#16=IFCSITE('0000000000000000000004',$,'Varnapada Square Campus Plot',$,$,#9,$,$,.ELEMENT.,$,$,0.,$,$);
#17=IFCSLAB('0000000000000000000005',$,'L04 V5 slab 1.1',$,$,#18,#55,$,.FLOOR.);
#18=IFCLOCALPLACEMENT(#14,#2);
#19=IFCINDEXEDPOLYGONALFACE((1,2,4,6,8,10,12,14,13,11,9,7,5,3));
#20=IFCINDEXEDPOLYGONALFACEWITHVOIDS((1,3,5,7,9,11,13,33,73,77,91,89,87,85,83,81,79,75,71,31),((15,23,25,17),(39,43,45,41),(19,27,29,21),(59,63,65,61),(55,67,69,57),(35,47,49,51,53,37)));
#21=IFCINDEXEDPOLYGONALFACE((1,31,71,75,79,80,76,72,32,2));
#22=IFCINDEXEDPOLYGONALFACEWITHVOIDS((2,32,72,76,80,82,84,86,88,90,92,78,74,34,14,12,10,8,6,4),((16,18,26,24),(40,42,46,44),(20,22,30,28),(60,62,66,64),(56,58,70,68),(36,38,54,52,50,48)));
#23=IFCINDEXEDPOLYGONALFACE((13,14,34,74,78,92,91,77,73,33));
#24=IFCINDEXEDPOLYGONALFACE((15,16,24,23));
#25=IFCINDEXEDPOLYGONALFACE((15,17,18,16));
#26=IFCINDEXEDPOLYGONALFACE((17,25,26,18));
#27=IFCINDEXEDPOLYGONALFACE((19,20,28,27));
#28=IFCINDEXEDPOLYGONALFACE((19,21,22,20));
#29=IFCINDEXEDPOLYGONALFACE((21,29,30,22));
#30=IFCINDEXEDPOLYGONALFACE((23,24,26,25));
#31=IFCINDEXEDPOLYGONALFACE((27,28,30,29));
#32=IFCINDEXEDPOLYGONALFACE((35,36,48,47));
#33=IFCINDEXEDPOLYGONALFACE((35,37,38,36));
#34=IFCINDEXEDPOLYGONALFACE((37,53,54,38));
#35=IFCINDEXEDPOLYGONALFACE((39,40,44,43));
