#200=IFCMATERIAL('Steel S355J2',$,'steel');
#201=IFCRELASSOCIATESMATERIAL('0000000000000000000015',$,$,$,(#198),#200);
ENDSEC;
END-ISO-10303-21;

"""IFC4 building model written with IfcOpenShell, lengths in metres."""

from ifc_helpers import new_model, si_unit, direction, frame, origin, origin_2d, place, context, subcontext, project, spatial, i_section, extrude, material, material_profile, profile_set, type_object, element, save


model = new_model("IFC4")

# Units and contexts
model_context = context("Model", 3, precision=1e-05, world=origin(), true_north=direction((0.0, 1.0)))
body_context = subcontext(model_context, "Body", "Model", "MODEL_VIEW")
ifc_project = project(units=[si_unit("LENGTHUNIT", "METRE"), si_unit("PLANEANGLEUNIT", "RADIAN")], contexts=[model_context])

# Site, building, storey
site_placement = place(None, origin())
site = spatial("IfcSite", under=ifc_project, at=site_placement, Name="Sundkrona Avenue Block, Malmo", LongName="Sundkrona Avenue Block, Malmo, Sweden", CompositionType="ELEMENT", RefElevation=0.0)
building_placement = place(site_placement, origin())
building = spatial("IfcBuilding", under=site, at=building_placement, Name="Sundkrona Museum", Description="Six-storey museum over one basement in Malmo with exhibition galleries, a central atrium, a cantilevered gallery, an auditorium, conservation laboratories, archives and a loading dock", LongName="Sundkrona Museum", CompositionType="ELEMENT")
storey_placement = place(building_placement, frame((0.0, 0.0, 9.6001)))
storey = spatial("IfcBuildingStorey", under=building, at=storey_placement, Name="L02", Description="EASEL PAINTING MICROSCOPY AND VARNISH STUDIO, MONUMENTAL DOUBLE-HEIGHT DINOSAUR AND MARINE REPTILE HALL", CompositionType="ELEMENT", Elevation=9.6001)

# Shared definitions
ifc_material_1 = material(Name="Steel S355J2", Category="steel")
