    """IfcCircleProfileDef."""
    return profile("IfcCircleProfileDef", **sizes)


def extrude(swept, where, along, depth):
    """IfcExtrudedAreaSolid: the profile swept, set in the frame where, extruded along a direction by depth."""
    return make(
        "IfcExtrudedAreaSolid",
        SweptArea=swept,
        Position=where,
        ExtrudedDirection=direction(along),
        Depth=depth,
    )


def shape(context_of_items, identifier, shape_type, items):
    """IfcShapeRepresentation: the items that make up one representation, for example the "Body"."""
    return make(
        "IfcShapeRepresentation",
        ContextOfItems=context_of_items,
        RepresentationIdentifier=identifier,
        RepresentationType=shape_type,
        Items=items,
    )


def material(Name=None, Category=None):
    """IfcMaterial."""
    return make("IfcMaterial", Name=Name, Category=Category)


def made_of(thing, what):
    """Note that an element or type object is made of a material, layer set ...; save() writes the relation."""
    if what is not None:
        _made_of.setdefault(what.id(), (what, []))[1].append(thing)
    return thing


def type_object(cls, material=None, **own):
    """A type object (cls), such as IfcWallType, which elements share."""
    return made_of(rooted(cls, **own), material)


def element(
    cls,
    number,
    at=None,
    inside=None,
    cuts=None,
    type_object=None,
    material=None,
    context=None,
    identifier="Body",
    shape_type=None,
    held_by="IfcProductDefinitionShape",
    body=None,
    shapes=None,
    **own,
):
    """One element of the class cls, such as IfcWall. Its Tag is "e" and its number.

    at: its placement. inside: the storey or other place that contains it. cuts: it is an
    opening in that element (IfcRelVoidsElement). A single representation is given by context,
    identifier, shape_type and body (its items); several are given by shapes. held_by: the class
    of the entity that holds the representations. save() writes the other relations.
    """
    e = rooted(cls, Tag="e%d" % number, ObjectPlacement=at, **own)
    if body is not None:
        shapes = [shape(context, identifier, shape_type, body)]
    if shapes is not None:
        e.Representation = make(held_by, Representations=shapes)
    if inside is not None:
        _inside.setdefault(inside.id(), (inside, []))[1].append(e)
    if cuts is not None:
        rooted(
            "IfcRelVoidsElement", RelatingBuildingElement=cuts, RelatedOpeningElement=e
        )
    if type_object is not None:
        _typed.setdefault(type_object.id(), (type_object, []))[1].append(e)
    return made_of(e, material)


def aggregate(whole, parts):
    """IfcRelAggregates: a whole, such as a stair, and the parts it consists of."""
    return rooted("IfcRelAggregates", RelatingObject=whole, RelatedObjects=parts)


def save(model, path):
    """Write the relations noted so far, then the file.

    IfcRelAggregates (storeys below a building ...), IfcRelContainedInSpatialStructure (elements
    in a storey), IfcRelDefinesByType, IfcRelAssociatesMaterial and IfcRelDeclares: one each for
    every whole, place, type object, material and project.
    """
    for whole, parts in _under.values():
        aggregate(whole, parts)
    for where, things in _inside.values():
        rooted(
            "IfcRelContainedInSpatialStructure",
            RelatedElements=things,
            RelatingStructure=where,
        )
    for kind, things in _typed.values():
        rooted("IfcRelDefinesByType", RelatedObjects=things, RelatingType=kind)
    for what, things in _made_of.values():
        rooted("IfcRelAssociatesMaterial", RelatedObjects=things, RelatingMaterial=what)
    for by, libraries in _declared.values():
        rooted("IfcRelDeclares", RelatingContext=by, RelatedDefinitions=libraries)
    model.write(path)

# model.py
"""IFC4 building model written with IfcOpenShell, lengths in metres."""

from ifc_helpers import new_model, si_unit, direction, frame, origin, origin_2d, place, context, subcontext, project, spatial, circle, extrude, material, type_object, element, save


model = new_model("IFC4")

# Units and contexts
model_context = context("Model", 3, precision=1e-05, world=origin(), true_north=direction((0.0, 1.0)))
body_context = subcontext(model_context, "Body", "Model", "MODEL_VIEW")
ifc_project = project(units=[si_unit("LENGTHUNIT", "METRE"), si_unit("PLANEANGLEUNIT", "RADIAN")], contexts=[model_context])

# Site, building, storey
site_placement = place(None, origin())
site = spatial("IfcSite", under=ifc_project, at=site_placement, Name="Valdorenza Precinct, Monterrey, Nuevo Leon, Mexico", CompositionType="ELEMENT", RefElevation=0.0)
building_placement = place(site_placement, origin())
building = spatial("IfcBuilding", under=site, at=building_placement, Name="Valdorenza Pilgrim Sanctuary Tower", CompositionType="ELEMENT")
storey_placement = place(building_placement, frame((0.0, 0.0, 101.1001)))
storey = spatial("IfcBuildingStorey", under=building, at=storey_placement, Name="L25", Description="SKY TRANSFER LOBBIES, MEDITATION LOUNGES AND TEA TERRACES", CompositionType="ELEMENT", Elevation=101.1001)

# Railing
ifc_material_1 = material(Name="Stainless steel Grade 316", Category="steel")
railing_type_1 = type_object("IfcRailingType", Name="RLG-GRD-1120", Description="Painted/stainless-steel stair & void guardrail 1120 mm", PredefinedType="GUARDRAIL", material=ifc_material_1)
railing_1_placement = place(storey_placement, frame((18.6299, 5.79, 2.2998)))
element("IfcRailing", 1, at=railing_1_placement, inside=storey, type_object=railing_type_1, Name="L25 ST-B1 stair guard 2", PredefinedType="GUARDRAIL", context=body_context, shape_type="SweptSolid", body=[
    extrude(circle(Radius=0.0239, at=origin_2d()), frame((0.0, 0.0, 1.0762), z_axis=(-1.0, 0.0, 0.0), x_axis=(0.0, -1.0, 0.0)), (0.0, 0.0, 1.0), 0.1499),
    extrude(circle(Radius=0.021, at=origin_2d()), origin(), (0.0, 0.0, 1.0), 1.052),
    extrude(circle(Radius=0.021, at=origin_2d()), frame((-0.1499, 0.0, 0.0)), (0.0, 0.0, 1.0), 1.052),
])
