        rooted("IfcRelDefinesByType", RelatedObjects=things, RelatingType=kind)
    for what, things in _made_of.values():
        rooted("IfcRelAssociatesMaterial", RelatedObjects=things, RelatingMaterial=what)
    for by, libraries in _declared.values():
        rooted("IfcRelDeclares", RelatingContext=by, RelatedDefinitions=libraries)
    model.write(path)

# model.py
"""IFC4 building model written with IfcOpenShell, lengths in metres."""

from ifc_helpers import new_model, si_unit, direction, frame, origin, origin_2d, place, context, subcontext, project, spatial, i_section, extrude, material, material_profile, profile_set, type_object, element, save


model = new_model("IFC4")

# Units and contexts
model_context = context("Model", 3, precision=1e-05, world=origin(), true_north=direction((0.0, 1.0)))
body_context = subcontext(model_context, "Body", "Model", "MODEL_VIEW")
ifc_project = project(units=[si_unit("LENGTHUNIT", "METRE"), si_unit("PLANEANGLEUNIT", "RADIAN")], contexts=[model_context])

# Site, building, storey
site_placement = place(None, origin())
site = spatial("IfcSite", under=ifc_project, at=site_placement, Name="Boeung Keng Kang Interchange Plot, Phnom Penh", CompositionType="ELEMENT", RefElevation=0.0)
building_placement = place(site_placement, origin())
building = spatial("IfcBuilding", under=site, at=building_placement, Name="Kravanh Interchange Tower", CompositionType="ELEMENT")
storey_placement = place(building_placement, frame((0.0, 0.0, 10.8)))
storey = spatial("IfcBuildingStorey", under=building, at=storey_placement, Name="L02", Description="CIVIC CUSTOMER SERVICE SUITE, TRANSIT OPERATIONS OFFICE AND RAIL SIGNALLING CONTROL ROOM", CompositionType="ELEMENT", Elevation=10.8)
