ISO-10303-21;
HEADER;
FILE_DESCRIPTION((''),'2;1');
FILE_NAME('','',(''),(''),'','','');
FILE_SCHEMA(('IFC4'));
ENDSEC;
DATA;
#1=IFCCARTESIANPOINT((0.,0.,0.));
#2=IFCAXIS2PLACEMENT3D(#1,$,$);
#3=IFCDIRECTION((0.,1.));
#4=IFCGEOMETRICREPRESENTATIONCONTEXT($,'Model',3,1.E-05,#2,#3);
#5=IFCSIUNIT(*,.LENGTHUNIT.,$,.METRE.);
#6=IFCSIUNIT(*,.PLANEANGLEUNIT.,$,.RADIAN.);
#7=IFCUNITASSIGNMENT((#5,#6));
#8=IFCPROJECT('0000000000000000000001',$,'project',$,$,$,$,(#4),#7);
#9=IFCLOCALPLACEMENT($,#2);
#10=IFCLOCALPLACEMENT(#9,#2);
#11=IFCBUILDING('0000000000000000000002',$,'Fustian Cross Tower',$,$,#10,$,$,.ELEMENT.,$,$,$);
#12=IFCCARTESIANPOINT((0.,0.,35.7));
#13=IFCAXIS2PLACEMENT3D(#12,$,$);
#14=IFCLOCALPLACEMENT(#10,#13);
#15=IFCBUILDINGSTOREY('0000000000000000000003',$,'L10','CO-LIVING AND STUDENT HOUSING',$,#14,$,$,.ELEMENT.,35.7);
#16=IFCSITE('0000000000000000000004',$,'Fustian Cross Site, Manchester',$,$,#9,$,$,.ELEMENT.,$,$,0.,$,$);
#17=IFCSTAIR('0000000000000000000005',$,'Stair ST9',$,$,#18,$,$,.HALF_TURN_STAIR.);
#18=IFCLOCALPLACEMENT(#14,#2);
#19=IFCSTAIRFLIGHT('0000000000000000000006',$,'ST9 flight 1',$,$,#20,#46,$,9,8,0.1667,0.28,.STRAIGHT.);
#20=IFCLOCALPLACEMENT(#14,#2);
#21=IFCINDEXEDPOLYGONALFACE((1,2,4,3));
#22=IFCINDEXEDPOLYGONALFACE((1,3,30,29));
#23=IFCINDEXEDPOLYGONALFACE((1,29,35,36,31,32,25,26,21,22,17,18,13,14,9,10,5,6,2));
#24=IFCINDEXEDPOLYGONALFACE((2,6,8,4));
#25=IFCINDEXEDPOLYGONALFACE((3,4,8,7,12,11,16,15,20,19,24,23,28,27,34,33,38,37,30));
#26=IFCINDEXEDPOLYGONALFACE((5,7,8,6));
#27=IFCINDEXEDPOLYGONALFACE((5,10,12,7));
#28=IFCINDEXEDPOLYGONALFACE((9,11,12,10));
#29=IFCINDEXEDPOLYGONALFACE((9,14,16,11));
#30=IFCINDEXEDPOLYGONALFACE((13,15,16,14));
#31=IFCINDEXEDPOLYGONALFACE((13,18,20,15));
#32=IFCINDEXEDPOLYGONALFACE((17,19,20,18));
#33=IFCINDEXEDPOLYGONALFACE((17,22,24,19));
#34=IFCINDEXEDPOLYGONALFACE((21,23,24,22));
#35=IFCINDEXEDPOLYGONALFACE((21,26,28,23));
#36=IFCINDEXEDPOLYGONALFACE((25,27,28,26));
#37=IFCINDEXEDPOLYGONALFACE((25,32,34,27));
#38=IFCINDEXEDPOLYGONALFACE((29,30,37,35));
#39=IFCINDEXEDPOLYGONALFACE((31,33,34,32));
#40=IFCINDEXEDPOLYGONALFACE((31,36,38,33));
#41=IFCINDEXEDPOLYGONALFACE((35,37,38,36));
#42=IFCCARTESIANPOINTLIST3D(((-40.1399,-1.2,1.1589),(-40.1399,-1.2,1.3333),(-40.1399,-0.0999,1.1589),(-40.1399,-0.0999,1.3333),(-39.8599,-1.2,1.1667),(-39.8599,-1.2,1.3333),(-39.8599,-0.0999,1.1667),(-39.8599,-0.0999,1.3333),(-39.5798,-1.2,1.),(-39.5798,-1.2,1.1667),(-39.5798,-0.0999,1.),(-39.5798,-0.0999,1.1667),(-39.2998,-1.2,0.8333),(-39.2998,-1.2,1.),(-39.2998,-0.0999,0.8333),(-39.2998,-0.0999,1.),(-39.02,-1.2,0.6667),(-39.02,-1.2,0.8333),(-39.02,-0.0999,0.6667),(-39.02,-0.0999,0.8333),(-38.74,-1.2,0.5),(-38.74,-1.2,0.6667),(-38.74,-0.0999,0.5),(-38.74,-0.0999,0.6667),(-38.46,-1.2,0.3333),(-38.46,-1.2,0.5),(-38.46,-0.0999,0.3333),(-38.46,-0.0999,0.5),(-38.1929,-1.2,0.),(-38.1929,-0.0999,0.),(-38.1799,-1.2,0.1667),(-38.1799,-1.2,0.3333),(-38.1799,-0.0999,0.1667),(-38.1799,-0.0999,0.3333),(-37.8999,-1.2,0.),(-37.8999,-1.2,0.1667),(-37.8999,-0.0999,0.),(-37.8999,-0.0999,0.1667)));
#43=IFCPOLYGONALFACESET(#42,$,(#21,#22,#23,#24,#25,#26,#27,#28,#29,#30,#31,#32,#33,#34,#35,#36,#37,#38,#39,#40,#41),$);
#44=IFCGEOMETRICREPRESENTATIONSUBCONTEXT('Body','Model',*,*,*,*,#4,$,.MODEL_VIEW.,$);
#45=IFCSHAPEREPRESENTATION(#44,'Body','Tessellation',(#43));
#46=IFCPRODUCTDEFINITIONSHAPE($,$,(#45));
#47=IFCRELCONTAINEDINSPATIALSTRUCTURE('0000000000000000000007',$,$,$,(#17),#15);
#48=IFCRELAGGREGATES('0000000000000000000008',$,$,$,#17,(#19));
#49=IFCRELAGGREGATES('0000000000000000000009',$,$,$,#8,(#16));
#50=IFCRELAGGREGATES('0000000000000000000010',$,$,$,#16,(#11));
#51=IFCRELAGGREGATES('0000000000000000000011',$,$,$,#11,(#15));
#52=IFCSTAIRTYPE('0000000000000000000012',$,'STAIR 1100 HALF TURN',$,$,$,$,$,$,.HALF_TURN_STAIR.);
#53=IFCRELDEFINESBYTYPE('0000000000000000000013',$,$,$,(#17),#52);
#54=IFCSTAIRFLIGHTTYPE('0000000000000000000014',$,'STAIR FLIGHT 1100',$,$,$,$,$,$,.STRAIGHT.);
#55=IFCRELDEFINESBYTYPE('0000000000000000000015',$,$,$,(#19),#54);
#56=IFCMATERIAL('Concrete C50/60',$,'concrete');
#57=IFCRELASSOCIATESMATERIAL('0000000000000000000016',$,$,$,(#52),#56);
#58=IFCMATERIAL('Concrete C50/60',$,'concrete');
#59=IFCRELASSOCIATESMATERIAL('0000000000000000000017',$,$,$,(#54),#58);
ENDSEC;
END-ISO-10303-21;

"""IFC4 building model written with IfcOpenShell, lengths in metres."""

from ifc_helpers import new_model, si_unit, direction, frame, origin, place, context, subcontext, project, spatial, polyline, outline, extrude, material, type_object, element, aggregate, save


model = new_model("IFC4")

# Units and contexts
model_context = context("Model", 3, precision=1e-05, world=origin(), true_north=direction((0.0, 1.0)))
body_context = subcontext(model_context, "Body", "Model", "MODEL_VIEW")
ifc_project = project(units=[si_unit("LENGTHUNIT", "METRE"), si_unit("PLANEANGLEUNIT", "RADIAN")], contexts=[model_context])

# Site, building, storey
site_placement = place(None, origin())
site = spatial("IfcSite", under=ifc_project, at=site_placement, Name="Fustian Cross Site, Manchester", CompositionType="ELEMENT", RefElevation=0.0)
building_placement = place(site_placement, origin())
building = spatial("IfcBuilding", under=site, at=building_placement, Name="Fustian Cross Tower", CompositionType="ELEMENT")
storey_placement = place(building_placement, frame((0.0, 0.0, 35.7)))
storey = spatial("IfcBuildingStorey", under=building, at=storey_placement, Name="L10", Description="CO-LIVING AND STUDENT HOUSING", CompositionType="ELEMENT", Elevation=35.7)

# Stair, stair flight
ifc_material_1 = material(Name="Concrete C50/60", Category="concrete")
stair_type = type_object("IfcStairType", Name="STAIR 1100 HALF TURN", PredefinedType="HALF_TURN_STAIR", material=ifc_material_1)
stair_placement = place(storey_placement, origin())
stair = element("IfcStair", 1, at=stair_placement, inside=storey, type_object=stair_type, Name="Stair ST9", PredefinedType="HALF_TURN_STAIR")
ifc_material_2 = material(Name="Concrete C50/60", Category="concrete")
stair_flight_type = type_object("IfcStairFlightType", Name="STAIR FLIGHT 1100", PredefinedType="STRAIGHT", material=ifc_material_2)
stair_flight_placement = place(storey_placement, frame((-37.8999, -0.6499, 0.0), z_axis=(0.0, 0.0, 1.0), x_axis=(-1.0, 0.0, 0.0)))
stair_flight = element("IfcStairFlight", 2, at=stair_flight_placement, type_object=stair_flight_type, Name="ST9 flight 1", NumberOfRisers=9, NumberOfTreads=8, PredefinedType="STRAIGHT", RiserHeight=0.1667, TreadLength=0.28, context=body_context, shape_type="SweptSolid", body=[
    extrude(outline(polyline([(0.0, 0.0), (0.0, 0.1667), (0.28, 0.1667), (0.28, 0.3333), (0.5601, 0.3333), (0.5601, 0.5), (0.8401, 0.5), (0.8401, 0.6667), (1.1201, 0.6667), (1.1201, 0.8333), (1.3999, 0.8333), (1.3999, 1.0), (1.6799, 1.0), (1.6799, 1.1667), (1.96, 1.1667), (1.96, 1.3333), (2.24, 1.3333), (2.24, 1.5), (2.24, 1.1589), (0.293, 0.0), (0.0, 0.0)])), frame((0.0, 0.55, 0.0), z_axis=(0.0, -1.0, 0.0), x_axis=(1.0, 0.0, 0.0)), (0.0, 0.0, 1.0), 1.1001),
])
aggregate(stair, [stair_flight])

save(model, "model.ifc")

┄┄┄┄┄┄

-- Action item --
For the word "given", how many lines in the records above contain it? Answer with the number and nothing else.

-- Answer to this problem --
2